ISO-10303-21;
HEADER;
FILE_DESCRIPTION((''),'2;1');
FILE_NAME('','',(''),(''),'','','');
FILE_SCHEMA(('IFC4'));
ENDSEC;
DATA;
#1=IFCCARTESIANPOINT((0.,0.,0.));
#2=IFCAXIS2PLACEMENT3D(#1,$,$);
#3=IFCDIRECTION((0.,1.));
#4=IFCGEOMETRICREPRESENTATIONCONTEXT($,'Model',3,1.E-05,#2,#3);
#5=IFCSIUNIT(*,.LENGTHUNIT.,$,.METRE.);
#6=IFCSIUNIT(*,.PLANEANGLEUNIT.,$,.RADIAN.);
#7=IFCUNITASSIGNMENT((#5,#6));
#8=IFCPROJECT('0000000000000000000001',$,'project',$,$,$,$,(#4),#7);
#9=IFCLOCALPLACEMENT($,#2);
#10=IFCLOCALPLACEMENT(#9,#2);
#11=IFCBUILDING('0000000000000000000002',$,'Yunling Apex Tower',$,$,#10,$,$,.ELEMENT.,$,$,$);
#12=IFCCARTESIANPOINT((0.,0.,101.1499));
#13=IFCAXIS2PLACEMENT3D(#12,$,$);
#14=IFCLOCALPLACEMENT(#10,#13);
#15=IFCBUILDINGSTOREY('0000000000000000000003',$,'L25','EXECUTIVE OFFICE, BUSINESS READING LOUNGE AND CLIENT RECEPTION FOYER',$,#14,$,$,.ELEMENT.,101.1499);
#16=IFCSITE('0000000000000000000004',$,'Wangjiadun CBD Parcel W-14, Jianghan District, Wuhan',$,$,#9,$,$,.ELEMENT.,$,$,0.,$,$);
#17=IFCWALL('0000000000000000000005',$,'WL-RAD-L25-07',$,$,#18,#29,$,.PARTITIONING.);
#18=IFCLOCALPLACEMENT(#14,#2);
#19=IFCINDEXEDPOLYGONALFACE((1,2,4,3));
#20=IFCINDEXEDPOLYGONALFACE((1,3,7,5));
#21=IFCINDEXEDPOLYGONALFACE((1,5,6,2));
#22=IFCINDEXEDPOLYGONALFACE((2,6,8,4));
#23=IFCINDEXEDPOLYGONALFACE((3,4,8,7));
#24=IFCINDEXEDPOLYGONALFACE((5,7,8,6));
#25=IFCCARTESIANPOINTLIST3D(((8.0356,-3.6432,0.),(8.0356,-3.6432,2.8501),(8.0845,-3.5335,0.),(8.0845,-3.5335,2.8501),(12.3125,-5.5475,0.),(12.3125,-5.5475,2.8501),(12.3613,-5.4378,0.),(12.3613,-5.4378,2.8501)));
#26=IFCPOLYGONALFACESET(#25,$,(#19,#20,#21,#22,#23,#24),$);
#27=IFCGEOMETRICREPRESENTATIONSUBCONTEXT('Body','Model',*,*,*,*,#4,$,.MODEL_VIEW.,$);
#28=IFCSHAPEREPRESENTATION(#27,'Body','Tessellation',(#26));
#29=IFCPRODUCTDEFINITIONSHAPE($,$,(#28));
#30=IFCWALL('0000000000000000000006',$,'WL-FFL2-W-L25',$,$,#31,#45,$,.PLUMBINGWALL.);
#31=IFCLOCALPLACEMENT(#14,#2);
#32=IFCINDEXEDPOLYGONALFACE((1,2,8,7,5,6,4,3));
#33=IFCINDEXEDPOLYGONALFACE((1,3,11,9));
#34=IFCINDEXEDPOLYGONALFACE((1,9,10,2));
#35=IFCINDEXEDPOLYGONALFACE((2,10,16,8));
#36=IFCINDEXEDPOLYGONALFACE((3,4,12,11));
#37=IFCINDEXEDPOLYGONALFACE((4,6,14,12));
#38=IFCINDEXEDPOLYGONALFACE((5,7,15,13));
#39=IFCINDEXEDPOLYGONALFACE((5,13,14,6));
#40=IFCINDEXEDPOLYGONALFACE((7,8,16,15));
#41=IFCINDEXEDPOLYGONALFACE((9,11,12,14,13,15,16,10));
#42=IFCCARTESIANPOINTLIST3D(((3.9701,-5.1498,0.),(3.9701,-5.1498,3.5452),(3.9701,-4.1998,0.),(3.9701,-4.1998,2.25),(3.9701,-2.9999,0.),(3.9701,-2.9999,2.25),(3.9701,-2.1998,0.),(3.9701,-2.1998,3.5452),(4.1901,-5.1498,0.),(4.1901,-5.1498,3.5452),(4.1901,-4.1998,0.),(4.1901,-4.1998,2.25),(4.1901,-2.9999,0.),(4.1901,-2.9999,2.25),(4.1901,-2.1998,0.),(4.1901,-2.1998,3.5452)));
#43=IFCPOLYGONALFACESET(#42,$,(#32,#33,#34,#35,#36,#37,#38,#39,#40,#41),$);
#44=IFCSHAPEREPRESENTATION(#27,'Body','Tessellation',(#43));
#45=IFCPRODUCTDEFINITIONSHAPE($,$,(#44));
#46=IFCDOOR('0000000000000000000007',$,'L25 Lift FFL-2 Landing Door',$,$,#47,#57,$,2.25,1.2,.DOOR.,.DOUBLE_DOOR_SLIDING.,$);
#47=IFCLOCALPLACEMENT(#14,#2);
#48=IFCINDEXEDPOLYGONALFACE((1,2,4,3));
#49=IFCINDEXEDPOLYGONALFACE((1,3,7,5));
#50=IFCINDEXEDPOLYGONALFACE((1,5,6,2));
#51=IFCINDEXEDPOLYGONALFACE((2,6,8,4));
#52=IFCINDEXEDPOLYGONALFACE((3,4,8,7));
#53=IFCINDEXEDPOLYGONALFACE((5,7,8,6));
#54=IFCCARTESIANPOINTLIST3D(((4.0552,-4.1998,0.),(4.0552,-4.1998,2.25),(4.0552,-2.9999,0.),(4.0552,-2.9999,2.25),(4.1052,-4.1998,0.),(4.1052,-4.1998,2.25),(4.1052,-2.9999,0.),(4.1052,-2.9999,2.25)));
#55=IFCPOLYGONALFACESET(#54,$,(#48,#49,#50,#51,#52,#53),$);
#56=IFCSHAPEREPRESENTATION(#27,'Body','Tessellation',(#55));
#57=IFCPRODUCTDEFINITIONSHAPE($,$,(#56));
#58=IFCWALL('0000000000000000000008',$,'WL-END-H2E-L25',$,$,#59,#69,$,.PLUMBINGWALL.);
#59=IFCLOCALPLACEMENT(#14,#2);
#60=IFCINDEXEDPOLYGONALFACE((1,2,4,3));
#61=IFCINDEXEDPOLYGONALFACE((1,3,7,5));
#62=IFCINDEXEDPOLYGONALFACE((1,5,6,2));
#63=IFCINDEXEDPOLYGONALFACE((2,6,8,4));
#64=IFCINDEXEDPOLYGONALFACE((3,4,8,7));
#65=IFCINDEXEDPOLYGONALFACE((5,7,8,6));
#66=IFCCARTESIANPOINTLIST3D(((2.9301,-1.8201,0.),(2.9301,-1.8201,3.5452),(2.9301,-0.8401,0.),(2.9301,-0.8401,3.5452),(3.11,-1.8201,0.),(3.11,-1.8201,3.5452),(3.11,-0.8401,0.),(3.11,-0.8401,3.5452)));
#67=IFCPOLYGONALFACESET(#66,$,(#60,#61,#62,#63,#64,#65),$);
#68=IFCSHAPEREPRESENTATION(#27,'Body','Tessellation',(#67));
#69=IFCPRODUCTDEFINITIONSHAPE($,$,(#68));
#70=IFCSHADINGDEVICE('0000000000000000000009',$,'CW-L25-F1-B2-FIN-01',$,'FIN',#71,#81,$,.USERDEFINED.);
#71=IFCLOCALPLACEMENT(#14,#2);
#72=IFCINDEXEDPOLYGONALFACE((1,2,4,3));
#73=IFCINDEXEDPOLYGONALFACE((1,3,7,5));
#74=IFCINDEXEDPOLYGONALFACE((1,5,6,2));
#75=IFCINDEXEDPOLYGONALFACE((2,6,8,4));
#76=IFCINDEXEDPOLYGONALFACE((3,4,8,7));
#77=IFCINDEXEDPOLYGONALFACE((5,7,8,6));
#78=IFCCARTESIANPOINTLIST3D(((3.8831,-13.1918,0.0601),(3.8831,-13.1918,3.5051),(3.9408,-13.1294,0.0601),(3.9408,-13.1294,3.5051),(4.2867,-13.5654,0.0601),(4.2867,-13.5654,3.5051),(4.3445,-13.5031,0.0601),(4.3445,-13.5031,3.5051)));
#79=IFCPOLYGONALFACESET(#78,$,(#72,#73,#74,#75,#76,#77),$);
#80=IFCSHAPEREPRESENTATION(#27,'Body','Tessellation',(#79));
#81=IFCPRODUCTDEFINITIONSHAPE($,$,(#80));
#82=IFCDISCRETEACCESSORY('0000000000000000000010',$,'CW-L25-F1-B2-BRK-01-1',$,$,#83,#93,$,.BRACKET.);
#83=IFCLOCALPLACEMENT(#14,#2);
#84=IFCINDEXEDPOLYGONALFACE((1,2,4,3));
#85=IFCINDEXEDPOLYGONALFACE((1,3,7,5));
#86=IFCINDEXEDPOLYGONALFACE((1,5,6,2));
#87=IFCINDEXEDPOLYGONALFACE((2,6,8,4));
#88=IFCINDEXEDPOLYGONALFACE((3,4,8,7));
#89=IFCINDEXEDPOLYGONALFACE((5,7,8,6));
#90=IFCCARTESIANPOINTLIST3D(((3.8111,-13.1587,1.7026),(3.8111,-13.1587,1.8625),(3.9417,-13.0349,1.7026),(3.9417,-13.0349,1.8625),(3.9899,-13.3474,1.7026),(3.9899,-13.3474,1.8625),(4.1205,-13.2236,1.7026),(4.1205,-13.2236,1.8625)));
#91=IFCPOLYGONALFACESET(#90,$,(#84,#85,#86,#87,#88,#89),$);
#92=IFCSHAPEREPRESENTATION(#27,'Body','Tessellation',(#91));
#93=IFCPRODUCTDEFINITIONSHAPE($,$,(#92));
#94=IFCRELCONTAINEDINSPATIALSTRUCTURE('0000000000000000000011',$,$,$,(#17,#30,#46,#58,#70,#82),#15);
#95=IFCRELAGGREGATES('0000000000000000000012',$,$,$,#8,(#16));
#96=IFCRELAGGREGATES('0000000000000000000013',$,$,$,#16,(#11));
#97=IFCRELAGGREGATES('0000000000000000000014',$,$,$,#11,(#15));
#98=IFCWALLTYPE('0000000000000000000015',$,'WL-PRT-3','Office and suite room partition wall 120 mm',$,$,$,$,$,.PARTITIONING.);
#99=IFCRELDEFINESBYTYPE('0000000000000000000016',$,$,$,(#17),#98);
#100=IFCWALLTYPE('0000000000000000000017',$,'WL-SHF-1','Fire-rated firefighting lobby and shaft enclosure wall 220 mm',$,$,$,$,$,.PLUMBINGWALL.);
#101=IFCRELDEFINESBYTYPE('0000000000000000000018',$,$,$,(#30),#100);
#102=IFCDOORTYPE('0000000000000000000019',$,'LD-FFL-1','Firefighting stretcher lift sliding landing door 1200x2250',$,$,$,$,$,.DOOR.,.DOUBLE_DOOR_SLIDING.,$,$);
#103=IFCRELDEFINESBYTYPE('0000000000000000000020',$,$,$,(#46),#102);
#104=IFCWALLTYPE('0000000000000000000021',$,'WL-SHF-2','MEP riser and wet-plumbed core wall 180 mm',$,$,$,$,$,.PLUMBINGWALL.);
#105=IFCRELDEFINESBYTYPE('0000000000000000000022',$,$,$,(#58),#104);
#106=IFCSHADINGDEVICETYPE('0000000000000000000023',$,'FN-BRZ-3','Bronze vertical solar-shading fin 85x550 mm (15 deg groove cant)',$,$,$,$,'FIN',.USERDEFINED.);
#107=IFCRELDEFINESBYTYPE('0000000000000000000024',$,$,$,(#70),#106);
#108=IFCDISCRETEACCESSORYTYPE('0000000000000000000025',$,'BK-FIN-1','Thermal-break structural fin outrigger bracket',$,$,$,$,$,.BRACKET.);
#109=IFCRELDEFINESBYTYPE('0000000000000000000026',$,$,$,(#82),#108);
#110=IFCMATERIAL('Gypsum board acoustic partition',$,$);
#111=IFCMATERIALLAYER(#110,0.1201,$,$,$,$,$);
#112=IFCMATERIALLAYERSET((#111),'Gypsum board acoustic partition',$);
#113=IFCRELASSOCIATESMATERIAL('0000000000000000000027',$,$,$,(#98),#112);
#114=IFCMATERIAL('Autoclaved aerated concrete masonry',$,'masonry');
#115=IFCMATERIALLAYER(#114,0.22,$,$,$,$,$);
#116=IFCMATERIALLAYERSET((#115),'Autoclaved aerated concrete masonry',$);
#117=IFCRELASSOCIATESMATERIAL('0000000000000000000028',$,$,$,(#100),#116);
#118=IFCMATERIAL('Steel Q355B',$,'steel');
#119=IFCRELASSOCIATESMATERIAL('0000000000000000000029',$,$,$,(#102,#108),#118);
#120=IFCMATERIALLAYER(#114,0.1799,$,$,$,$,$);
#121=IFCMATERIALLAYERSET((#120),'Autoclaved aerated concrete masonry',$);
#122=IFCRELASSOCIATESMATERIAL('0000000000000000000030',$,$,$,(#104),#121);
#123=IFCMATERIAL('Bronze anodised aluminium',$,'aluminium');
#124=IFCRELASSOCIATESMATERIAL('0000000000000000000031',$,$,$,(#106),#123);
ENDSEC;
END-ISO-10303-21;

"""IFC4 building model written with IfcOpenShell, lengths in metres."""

from ifc_helpers import new_model, si_unit, direction, frame, frame_2d, origin, origin_2d, place, context, subcontext, project, spatial, rectangle, extrude, source, transform, mapped, material, layer, layer_set, material_profile, profile_set, type_object, element, fill, save


model = new_model("IFC4")

# Units and contexts
model_context = context("Model", 3, precision=1e-05, world=origin(), true_north=direction((0.0, 1.0)))
body_context = subcontext(model_context, "Body", "Model", "MODEL_VIEW")
ifc_project = project(units=[si_unit("LENGTHUNIT", "METRE"), si_unit("PLANEANGLEUNIT", "RADIAN")], contexts=[model_context])

# Site, building, storey
site_placement = place(None, origin())
site = spatial("IfcSite", under=ifc_project, at=site_placement, Name="Wangjiadun CBD Parcel W-14, Jianghan District, Wuhan", CompositionType="ELEMENT", RefElevation=0.0)
building_placement = place(site_placement, origin())
building = spatial("IfcBuilding", under=site, at=building_placement, Name="Yunling Apex Tower", CompositionType="ELEMENT")
storey_placement = place(building_placement, frame((0.0, 0.0, 101.1499)))
storey = spatial("IfcBuildingStorey", under=building, at=storey_placement, Name="L25", Description="EXECUTIVE OFFICE, BUSINESS READING LOUNGE AND CLIENT RECEPTION FOYER", CompositionType="ELEMENT", Elevation=101.1499)

# Shared definitions
ifc_material_1 = material(Name="Steel Q355B", Category="steel")

# Shared definitions
ifc_material_2 = material(Name="Bronze anodised aluminium", Category="aluminium")

# Shared definitions
ifc_material_3 = material(Name="Gypsum board acoustic partition")

# Wall
ifc_layer_1 = layer(ifc_material_3, 0.1201)
ifc_layer_set_1 = layer_set([ifc_layer_1], Name="Gypsum board acoustic partition")
wall_type_1 = type_object("IfcWallType", Name="WL-PRT-3", Description="Office and suite room partition wall 120 mm", PredefinedType="PARTITIONING", material=ifc_layer_set_1)
wall_1_placement = place(storey_placement, frame((8.0601, -3.5884, 0.0), z_axis=(0.0, 0.0, 1.0), x_axis=(0.913536, -0.406758, 0.0)))
element("IfcWall", 1, at=wall_1_placement, inside=storey, type_object=wall_type_1, Name="WL-RAD-L25-07", PredefinedType="PARTITIONING", context=body_context, shape_type="SweptSolid", body=[
    extrude(rectangle(XDim=4.6816, YDim=0.1201, at=frame_2d((2.3408, 0.0))), origin(), (0.0, 0.0, 1.0), 2.8501),
])

# Wall, opening, door
ifc_material_4 = material(Name="Autoclaved aerated concrete masonry", Category="masonry")
ifc_layer_2 = layer(ifc_material_4, 0.22)
ifc_layer_set_2 = layer_set([ifc_layer_2], Name="Autoclaved aerated concrete masonry")
wall_type_2 = type_object("IfcWallType", Name="WL-SHF-1", Description="Fire-rated firefighting lobby and shaft enclosure wall 220 mm", PredefinedType="PLUMBINGWALL", material=ifc_layer_set_2)
wall_2_placement = place(storey_placement, frame((4.0801, -5.1499, 0.0), z_axis=(0.0, 0.0, 1.0), x_axis=(0.0, 1.0, 0.0)))
wall_2 = element("IfcWall", 2, at=wall_2_placement, inside=storey, type_object=wall_type_2, Name="WL-FFL2-W-L25", PredefinedType="PLUMBINGWALL", context=body_context, shape_type="SweptSolid", body=[
    extrude(rectangle(XDim=2.95, YDim=0.22, at=frame_2d((1.4751, 0.0))), origin(), (0.0, 0.0, 1.0), 3.5452),
])
opening_1_placement = place(wall_2_placement, frame((0.95, 0.0, 0.0)))
opening_1 = element("IfcOpeningElement", 3, at=opening_1_placement, cuts=wall_2, PredefinedType="OPENING", context=body_context, shape_type="SweptSolid", body=[
    extrude(rectangle(XDim=1.2, YDim=2.25, at=frame_2d((0.6001, 1.125))), frame((0.0, 0.1201, 0.0), z_axis=(0.0, -1.0, 0.0), x_axis=(1.0, 0.0, 0.0)), (0.0, 0.0, 1.0), 0.24),
])
door_type_1 = type_object("IfcDoorType", Name="LD-FFL-1", Description="Firefighting stretcher lift sliding landing door 1200x2250", OperationType="DOUBLE_DOOR_SLIDING", PredefinedType="DOOR", material=ifc_material_1)
door_1_placement = place(opening_1_placement, origin())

## WHAT TO PRODUCE
If a line in the data above includes the string "IFCPOLYGONALFACESET", copy it.

## ANSWER
#26=IFCPOLYGONALFACESET(#25,$,(#19,#20,#21,#22,#23,#24),$);
#43=IFCPOLYGONALFACESET(#42,$,(#32,#33,#34,#35,#36,#37,#38,#39,#40,#41),$);
#55=IFCPOLYGONALFACESET(#54,$,(#48,#49,#50,#51,#52,#53),$);
#67=IFCPOLYGONALFACESET(#66,$,(#60,#61,#62,#63,#64,#65),$);
#79=IFCPOLYGONALFACESET(#78,$,(#72,#73,#74,#75,#76,#77),$);
#91=IFCPOLYGONALFACESET(#90,$,(#84,#85,#86,#87,#88,#89),$);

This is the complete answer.